Collected data entries
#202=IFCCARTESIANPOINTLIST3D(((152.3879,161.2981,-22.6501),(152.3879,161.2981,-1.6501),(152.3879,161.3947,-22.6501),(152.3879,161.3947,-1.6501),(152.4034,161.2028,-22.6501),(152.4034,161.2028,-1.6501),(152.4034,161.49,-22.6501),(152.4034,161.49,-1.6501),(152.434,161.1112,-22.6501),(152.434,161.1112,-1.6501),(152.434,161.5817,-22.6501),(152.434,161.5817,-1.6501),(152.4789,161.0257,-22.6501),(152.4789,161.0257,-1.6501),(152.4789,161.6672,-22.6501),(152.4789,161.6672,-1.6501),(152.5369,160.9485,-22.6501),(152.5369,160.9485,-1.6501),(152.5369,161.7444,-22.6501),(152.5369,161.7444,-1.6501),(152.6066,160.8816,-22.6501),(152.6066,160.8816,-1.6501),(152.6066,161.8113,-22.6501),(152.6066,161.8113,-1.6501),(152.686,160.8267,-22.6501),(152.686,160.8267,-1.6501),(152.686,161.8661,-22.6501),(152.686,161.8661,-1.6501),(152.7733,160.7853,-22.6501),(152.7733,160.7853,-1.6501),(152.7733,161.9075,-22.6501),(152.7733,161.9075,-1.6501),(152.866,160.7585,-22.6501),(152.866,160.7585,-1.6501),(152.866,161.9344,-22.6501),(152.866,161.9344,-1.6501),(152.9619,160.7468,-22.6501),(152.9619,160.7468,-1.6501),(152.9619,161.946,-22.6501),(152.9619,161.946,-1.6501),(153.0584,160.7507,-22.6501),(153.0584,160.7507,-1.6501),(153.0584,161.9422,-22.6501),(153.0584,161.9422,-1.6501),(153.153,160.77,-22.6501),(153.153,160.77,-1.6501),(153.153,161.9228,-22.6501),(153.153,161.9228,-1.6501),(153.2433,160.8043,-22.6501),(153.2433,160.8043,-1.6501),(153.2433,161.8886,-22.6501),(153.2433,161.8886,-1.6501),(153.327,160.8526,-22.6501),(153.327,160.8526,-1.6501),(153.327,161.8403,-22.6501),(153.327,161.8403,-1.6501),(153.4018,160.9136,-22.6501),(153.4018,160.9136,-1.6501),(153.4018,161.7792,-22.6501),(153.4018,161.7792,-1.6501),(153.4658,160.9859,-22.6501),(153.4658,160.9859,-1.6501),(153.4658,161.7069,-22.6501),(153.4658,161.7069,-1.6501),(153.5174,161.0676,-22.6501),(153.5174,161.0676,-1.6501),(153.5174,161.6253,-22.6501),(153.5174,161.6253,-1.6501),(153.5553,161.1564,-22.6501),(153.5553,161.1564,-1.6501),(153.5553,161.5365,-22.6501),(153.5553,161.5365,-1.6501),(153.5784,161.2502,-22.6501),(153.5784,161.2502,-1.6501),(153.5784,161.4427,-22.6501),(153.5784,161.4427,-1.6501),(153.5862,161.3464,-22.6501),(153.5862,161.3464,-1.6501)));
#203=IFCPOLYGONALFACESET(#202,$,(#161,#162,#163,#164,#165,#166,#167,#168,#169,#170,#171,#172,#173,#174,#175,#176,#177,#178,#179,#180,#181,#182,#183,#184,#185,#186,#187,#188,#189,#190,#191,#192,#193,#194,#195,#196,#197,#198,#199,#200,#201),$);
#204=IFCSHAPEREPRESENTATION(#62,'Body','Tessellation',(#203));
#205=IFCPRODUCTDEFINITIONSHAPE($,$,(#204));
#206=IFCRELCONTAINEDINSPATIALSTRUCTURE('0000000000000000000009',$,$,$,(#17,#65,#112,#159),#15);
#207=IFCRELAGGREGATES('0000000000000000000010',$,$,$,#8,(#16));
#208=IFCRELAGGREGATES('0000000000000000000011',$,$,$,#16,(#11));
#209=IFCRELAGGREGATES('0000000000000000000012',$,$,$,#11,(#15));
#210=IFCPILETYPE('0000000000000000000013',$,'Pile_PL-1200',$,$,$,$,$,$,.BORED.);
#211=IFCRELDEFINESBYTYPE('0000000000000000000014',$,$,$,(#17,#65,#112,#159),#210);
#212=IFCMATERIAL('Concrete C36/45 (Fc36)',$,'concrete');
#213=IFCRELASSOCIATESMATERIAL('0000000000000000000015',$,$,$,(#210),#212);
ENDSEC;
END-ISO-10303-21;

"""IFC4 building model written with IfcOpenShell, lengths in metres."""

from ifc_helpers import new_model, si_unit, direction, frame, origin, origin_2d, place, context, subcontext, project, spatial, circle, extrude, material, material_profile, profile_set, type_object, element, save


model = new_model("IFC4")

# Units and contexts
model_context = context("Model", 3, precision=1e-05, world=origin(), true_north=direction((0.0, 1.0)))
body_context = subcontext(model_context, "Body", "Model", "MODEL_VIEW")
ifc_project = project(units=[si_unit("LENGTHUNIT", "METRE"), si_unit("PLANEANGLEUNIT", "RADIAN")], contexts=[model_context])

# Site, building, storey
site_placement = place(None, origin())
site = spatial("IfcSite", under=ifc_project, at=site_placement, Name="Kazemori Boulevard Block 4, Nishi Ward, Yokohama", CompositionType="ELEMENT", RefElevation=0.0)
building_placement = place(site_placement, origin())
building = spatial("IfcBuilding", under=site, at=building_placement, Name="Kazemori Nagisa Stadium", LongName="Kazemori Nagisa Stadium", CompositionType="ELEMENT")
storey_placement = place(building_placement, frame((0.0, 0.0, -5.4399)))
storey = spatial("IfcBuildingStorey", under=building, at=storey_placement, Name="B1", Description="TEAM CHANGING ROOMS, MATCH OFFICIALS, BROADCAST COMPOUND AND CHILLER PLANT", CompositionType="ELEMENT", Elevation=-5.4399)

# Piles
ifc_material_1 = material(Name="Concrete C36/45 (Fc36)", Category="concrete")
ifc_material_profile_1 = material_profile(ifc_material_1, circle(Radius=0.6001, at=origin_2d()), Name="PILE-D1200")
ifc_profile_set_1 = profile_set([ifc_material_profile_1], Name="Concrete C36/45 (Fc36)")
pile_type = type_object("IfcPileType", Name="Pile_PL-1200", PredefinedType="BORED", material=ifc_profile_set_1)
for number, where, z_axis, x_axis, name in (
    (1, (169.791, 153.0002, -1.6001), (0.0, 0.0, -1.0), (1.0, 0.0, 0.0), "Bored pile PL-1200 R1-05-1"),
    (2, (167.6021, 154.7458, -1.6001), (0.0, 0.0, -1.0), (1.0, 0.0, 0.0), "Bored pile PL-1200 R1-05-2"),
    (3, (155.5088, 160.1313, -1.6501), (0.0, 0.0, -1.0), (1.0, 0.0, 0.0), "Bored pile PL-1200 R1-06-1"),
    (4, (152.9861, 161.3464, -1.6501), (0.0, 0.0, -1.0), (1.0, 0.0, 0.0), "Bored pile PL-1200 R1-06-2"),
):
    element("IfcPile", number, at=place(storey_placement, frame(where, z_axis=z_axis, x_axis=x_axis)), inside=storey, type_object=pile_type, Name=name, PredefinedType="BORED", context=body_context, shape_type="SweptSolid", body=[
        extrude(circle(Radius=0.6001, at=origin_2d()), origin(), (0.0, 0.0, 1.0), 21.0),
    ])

--

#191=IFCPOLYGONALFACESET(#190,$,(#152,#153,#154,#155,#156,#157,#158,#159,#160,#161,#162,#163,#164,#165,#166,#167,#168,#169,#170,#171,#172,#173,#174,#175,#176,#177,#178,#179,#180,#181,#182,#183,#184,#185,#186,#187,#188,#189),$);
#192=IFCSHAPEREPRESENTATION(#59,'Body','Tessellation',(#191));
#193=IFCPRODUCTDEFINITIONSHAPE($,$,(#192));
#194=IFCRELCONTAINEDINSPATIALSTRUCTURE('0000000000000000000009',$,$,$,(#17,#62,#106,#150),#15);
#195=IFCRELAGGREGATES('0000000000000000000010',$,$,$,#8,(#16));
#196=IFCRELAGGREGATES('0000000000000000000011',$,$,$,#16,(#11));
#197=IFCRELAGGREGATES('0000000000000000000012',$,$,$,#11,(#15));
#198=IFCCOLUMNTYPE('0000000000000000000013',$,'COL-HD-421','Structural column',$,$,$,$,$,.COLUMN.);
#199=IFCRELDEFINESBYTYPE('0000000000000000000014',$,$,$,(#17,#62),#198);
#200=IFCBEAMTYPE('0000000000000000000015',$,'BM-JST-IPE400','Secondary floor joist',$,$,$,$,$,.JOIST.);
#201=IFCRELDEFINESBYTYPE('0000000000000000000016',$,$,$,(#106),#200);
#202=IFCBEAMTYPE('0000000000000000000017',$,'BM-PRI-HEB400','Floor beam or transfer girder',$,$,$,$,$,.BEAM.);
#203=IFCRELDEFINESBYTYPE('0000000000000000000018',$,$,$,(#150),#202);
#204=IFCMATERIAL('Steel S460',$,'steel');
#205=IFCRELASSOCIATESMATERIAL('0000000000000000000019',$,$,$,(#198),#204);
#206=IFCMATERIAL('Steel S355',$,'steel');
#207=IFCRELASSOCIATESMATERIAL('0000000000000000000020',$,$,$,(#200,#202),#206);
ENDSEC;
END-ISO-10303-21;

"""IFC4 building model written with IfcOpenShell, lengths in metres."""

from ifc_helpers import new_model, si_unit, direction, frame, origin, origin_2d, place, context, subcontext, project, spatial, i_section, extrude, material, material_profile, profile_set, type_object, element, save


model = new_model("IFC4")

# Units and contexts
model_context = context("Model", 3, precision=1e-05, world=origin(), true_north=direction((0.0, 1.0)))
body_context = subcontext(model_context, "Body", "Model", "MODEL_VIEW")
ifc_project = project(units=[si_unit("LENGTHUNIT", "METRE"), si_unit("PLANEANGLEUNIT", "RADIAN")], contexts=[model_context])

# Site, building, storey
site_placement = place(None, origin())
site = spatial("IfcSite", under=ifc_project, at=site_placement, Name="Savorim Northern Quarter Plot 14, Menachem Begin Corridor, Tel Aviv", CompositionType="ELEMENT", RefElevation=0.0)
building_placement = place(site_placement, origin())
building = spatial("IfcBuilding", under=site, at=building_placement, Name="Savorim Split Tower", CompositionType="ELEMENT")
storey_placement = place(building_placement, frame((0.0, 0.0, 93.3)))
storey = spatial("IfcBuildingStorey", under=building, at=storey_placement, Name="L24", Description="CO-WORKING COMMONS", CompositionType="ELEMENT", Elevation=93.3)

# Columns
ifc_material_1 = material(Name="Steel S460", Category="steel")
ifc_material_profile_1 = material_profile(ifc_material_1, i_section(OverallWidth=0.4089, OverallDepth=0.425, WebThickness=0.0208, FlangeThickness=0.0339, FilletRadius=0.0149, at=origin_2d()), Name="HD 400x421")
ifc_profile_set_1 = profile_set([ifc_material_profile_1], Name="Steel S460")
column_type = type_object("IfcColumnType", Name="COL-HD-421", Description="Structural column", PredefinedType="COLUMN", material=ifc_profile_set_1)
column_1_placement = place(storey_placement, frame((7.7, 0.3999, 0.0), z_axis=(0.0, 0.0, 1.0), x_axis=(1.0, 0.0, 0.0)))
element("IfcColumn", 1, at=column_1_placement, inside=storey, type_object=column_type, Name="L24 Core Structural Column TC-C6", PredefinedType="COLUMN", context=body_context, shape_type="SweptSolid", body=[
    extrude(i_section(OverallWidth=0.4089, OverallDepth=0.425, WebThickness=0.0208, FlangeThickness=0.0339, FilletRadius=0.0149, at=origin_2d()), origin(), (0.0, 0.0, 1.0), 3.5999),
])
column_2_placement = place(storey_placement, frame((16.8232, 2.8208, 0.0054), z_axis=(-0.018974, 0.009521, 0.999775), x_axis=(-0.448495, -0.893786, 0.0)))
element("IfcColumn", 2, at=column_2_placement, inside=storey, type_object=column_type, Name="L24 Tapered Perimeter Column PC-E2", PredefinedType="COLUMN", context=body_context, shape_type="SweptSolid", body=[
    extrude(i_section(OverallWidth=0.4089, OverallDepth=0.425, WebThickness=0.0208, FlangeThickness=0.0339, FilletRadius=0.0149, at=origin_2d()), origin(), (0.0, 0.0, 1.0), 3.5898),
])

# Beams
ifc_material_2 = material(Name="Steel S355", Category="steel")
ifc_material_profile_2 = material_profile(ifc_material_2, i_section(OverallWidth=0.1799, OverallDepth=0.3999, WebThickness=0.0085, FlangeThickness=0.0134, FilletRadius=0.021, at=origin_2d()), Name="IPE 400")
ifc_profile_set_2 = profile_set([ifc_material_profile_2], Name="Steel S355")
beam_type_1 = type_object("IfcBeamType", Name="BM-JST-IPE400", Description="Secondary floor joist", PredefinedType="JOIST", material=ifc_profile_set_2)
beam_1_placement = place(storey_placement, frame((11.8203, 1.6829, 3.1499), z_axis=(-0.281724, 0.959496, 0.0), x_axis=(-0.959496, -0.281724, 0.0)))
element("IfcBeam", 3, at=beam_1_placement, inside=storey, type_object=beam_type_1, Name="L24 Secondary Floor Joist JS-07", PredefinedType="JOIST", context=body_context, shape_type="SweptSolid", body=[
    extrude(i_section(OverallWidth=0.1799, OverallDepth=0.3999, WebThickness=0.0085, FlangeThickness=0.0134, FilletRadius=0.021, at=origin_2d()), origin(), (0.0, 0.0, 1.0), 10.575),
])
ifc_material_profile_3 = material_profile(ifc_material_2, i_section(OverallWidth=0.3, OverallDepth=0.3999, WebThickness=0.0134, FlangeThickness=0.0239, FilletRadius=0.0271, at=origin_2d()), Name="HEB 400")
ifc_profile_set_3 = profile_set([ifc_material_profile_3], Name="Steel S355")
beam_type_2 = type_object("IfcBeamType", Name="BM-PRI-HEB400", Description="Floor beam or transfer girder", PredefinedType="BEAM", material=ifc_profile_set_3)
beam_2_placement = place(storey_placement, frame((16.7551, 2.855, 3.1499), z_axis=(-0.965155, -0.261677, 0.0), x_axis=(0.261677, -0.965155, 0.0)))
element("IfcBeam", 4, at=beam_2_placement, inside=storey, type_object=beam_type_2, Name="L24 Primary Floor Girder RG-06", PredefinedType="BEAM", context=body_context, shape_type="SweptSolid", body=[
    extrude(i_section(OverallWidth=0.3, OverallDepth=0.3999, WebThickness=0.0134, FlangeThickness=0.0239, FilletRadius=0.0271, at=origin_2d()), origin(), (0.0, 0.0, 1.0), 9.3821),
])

* * *

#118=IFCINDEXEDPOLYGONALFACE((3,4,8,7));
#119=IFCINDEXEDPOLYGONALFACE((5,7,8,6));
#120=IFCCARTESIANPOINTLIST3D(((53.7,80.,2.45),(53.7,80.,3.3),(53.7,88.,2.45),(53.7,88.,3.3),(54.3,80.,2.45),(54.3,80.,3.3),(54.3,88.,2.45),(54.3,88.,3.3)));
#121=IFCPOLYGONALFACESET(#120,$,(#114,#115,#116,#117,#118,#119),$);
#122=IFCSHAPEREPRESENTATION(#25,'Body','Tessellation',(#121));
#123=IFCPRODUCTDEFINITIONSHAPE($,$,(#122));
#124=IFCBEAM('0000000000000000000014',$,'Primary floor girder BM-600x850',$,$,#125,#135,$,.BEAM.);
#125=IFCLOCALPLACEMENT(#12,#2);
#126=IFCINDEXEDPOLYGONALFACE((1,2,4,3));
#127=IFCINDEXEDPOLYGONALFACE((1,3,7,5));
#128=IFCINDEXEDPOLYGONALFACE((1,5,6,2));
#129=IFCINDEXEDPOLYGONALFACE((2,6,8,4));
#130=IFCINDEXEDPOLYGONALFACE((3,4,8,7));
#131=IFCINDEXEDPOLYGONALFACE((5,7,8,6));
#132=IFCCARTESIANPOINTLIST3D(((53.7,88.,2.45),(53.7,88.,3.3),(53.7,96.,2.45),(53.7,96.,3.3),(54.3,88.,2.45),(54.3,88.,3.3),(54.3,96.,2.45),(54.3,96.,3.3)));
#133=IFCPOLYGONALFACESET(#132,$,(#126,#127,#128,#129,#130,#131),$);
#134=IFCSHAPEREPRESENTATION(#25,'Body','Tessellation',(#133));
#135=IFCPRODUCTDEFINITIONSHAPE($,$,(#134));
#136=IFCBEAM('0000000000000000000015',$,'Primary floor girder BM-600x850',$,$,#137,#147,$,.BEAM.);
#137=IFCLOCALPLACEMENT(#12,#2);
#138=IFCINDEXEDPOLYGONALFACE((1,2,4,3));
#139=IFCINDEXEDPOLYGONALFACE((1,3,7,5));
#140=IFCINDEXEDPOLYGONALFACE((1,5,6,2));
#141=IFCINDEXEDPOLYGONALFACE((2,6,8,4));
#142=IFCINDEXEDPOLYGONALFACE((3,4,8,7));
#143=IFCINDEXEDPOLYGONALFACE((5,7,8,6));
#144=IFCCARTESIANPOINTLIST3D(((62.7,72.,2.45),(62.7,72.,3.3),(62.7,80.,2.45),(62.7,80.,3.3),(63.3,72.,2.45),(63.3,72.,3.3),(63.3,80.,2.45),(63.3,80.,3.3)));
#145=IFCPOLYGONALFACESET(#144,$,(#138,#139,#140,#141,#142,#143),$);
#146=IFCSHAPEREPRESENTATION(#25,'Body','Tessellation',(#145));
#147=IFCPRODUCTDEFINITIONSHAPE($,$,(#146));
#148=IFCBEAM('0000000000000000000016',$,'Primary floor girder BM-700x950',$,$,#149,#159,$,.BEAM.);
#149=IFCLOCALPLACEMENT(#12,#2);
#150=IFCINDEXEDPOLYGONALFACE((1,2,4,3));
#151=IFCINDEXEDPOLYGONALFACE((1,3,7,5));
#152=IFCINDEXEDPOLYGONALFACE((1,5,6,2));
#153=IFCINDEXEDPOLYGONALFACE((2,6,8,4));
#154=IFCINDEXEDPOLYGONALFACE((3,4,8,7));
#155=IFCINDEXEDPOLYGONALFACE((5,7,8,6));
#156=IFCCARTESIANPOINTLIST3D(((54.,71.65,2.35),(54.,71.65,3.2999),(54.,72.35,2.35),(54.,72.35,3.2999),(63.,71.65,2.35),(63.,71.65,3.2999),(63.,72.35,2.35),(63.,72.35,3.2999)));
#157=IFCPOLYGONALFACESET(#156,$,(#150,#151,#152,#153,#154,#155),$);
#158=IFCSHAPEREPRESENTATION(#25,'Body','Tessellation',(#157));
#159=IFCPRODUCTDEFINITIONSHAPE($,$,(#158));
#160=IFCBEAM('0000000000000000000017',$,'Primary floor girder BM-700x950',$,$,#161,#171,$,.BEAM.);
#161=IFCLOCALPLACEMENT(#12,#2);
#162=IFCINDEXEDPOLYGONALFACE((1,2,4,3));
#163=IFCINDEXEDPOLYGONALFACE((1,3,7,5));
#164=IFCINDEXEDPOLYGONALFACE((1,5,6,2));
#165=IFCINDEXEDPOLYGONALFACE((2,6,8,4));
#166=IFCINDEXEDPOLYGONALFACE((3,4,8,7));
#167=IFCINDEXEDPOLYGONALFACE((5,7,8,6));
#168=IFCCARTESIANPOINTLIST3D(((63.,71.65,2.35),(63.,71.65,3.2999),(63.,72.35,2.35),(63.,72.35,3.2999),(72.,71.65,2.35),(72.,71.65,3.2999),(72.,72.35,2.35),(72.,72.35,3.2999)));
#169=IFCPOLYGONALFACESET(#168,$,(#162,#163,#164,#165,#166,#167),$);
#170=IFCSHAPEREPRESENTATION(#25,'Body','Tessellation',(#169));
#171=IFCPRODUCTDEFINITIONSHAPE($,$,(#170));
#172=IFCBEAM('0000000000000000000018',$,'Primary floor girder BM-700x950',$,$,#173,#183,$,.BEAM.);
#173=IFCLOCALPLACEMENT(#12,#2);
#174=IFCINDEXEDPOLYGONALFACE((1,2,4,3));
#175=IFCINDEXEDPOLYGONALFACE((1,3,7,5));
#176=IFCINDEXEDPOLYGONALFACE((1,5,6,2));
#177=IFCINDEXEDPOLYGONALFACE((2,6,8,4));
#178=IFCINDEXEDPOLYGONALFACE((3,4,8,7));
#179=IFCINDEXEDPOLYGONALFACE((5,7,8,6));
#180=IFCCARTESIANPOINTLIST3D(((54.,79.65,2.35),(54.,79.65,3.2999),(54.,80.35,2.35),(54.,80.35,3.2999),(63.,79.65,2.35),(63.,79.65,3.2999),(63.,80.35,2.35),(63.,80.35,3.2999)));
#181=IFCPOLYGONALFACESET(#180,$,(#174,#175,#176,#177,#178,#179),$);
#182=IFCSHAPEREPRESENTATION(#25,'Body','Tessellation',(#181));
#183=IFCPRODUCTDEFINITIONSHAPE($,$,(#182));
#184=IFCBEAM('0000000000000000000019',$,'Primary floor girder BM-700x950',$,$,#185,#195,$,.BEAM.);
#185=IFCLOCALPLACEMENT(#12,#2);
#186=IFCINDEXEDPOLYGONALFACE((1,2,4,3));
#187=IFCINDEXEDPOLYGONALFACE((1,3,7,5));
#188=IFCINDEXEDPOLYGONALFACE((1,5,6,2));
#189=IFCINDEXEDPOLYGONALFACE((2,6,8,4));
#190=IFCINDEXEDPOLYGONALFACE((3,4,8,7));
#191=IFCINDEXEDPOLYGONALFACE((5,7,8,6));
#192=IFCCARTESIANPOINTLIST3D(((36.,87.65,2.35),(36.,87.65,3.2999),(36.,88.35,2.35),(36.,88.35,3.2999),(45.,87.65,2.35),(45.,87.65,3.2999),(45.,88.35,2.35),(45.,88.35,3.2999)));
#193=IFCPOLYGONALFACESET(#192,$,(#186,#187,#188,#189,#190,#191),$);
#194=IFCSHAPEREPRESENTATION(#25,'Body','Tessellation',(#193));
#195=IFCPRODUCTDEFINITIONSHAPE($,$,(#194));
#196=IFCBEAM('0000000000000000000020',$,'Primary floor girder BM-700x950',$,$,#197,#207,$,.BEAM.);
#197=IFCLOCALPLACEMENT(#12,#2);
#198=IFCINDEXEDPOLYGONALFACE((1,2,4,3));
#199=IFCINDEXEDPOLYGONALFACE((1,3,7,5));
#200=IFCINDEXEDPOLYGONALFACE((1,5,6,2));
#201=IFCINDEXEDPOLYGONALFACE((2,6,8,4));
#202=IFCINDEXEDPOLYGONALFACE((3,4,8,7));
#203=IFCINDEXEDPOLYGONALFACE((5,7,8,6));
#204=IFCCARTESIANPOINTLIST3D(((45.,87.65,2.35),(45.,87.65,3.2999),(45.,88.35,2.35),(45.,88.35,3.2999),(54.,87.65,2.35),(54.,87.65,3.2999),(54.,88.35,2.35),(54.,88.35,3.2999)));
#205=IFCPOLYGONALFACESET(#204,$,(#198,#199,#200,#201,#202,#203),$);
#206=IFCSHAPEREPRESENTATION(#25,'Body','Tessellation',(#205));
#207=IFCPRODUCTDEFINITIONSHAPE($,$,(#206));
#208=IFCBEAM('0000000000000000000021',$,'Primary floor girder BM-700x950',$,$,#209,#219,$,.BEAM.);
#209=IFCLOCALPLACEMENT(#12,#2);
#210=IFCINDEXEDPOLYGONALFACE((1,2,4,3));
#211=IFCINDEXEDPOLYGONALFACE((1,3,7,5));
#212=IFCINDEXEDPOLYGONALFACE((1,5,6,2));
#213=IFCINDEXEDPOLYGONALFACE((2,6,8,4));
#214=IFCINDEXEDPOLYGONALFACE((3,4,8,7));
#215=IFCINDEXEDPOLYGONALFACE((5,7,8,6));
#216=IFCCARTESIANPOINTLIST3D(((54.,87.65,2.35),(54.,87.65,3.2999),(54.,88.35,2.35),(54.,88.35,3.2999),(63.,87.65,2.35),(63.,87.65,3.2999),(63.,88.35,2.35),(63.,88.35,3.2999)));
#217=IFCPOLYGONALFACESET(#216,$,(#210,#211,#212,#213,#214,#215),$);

= WHAT TO DO =
Only lines with the word "IFCRELCONTAINEDINSPATIALSTRUCTURE" are needed. Copy them from the preceding records.

= YOUR SOLUTION =
#206=IFCRELCONTAINEDINSPATIALSTRUCTURE('0000000000000000000009',$,$,$,(#17,#65,#112,#159),#15);
#194=IFCRELCONTAINEDINSPATIALSTRUCTURE('0000000000000000000009',$,$,$,(#17,#62,#106,#150),#15);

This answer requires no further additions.